[Dataset entries]
■ ■ ■

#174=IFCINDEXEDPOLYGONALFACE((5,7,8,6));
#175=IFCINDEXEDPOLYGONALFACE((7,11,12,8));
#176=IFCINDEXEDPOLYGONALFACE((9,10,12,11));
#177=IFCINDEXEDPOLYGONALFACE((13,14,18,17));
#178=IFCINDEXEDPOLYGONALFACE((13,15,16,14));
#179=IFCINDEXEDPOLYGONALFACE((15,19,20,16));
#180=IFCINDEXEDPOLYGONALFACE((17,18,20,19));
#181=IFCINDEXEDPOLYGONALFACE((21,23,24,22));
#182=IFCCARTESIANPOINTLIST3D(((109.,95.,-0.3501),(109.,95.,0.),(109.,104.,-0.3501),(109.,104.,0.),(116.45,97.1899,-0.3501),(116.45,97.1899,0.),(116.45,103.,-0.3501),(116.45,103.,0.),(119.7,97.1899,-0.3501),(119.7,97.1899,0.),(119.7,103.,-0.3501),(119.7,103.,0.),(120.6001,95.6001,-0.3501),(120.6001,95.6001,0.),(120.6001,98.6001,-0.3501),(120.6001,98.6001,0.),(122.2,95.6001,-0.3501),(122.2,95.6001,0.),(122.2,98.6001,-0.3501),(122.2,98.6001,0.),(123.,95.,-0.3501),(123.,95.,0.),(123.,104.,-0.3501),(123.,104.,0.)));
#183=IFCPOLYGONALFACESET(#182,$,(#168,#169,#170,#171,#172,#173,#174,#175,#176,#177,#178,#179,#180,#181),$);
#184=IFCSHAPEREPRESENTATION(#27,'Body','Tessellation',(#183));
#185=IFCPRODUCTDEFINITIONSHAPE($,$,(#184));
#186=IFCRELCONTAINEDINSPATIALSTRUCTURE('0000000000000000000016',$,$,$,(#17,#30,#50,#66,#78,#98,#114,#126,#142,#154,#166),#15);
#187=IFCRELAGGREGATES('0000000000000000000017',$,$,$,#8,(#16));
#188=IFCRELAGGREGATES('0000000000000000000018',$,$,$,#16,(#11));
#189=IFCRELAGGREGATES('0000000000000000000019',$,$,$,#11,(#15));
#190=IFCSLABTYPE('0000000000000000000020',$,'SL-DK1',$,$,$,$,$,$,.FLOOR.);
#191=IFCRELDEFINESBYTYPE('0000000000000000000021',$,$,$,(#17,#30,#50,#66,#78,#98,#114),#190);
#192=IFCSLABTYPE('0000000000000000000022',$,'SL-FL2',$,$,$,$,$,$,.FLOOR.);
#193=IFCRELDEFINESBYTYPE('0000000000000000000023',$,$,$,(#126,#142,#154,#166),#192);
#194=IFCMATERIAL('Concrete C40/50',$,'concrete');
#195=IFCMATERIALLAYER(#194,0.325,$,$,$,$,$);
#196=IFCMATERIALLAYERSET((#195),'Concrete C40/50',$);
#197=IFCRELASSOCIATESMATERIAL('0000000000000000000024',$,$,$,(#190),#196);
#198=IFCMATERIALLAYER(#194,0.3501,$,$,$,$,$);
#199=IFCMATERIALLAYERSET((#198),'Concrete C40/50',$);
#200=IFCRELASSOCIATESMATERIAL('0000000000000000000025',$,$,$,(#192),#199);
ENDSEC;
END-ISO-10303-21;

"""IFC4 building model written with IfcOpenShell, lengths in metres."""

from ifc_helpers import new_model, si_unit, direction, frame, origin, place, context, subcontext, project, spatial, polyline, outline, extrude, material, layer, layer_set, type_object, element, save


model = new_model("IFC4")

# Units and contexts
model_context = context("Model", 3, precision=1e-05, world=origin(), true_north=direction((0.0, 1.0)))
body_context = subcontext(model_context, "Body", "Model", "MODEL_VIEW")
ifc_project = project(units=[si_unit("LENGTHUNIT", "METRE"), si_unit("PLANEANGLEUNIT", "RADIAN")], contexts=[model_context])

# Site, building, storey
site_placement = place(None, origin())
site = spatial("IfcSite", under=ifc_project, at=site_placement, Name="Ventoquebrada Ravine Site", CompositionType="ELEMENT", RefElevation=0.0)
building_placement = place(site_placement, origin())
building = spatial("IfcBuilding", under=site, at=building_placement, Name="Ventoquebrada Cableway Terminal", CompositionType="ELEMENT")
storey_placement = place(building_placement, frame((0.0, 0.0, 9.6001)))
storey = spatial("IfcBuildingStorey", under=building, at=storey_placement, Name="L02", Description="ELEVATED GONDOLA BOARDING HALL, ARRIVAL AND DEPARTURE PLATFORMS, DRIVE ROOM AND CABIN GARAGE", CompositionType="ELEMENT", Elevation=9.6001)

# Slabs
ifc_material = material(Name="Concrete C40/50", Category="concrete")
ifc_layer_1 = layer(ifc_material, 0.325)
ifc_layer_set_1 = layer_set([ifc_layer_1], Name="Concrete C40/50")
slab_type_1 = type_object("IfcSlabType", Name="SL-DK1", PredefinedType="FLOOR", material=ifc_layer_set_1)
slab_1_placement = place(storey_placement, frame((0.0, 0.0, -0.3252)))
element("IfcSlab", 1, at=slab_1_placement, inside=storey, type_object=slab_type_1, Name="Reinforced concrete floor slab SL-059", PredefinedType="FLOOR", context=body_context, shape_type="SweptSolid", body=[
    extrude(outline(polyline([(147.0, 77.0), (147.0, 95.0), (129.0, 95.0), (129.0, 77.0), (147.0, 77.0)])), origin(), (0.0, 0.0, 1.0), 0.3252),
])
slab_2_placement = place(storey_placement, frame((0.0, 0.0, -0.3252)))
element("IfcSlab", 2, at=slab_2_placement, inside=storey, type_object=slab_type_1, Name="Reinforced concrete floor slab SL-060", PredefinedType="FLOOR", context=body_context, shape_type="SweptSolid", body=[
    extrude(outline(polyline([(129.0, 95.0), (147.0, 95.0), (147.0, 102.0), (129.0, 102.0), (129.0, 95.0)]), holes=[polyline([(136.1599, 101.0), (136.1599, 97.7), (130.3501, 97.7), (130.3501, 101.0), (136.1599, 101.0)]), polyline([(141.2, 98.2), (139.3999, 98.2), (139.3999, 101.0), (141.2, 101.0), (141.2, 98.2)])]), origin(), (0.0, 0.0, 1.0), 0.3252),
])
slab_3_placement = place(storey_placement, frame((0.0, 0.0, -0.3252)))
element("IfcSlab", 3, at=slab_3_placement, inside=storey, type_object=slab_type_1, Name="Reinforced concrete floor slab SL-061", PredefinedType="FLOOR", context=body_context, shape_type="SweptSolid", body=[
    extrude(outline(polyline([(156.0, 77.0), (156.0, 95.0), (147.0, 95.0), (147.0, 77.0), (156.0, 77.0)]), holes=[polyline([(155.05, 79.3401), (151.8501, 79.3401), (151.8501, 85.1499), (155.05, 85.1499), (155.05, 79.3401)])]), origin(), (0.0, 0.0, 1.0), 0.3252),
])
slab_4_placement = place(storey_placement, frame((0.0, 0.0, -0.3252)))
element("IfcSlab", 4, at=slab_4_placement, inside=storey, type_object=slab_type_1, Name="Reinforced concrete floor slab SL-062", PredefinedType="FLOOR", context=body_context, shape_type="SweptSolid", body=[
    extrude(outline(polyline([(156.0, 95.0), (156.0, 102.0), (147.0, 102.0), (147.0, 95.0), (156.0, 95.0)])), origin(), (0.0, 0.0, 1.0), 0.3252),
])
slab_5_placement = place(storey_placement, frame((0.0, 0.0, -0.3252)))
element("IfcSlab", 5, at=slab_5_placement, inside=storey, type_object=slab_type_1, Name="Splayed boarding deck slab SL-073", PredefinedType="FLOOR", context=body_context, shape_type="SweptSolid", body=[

■ ■ ■

Brief: Return, from the data above, each line in which the string "direction" appears.

Answer space:
from ifc_helpers import new_model, si_unit, direction, frame, origin, place, context, subcontext, project, spatial, polyline, outline, extrude, material, layer, layer_set, type_object, element, save
model_context = context("Model", 3, precision=1e-05, world=origin(), true_north=direction((0.0, 1.0)))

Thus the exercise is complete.